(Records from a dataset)
::::::::::
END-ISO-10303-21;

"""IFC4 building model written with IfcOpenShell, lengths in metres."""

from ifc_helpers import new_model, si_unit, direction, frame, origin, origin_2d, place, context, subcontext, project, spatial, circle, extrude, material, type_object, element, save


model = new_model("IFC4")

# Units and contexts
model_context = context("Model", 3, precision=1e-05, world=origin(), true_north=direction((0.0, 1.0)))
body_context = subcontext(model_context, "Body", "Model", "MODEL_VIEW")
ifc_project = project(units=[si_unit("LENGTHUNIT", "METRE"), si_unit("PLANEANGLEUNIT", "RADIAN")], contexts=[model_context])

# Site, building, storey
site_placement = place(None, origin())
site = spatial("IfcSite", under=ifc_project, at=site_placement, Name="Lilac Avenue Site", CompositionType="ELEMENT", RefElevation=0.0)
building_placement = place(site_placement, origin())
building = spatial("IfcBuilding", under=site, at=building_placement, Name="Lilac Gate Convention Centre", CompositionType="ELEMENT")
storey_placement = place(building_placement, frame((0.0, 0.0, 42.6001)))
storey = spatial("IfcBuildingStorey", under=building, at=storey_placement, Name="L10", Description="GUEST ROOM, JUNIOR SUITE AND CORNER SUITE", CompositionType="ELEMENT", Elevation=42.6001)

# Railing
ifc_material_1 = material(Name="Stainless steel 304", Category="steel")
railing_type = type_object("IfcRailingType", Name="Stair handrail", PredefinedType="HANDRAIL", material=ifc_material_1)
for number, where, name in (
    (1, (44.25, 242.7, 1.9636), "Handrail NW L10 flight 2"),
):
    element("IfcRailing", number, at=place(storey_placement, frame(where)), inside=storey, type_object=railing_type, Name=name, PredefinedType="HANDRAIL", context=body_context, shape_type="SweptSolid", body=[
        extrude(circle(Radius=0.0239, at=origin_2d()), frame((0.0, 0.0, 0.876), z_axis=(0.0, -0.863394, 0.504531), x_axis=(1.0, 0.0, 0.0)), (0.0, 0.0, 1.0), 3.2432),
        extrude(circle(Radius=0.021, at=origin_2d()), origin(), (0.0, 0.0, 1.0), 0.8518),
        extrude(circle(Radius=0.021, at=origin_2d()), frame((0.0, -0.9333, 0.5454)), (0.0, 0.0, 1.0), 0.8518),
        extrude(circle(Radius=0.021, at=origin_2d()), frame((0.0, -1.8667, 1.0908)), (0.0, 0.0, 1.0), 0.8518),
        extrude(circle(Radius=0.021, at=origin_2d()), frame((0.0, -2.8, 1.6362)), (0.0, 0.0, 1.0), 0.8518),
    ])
::::::::::
**What this task involves**
Copy each record from above exactly, and include every line.

**Response below**
END-ISO-10303-21;

"""IFC4 building model written with IfcOpenShell, lengths in metres."""

from ifc_helpers import new_model, si_unit, direction, frame, origin, origin_2d, place, context, subcontext, project, spatial, circle, extrude, material, type_object, element, save


model = new_model("IFC4")

# Units and contexts
model_context = context("Model", 3, precision=1e-05, world=origin(), true_north=direction((0.0, 1.0)))
body_context = subcontext(model_context, "Body", "Model", "MODEL_VIEW")
ifc_project = project(units=[si_unit("LENGTHUNIT", "METRE"), si_unit("PLANEANGLEUNIT", "RADIAN")], contexts=[model_context])

# Site, building, storey
site_placement = place(None, origin())
site = spatial("IfcSite", under=ifc_project, at=site_placement, Name="Lilac Avenue Site", CompositionType="ELEMENT", RefElevation=0.0)
building_placement = place(site_placement, origin())
building = spatial("IfcBuilding", under=site, at=building_placement, Name="Lilac Gate Convention Centre", CompositionType="ELEMENT")
storey_placement = place(building_placement, frame((0.0, 0.0, 42.6001)))
storey = spatial("IfcBuildingStorey", under=building, at=storey_placement, Name="L10", Description="GUEST ROOM, JUNIOR SUITE AND CORNER SUITE", CompositionType="ELEMENT", Elevation=42.6001)

# Railing
ifc_material_1 = material(Name="Stainless steel 304", Category="steel")
railing_type = type_object("IfcRailingType", Name="Stair handrail", PredefinedType="HANDRAIL", material=ifc_material_1)
for number, where, name in (
    (1, (44.25, 242.7, 1.9636), "Handrail NW L10 flight 2"),
):
    element("IfcRailing", number, at=place(storey_placement, frame(where)), inside=storey, type_object=railing_type, Name=name, PredefinedType="HANDRAIL", context=body_context, shape_type="SweptSolid", body=[
        extrude(circle(Radius=0.0239, at=origin_2d()), frame((0.0, 0.0, 0.876), z_axis=(0.0, -0.863394, 0.504531), x_axis=(1.0, 0.0, 0.0)), (0.0, 0.0, 1.0), 3.2432),
        extrude(circle(Radius=0.021, at=origin_2d()), origin(), (0.0, 0.0, 1.0), 0.8518),
        extrude(circle(Radius=0.021, at=origin_2d()), frame((0.0, -0.9333, 0.5454)), (0.0, 0.0, 1.0), 0.8518),
        extrude(circle(Radius=0.021, at=origin_2d()), frame((0.0, -1.8667, 1.0908)), (0.0, 0.0, 1.0), 0.8518),
        extrude(circle(Radius=0.021, at=origin_2d()), frame((0.0, -2.8, 1.6362)), (0.0, 0.0, 1.0), 0.8518),
    ])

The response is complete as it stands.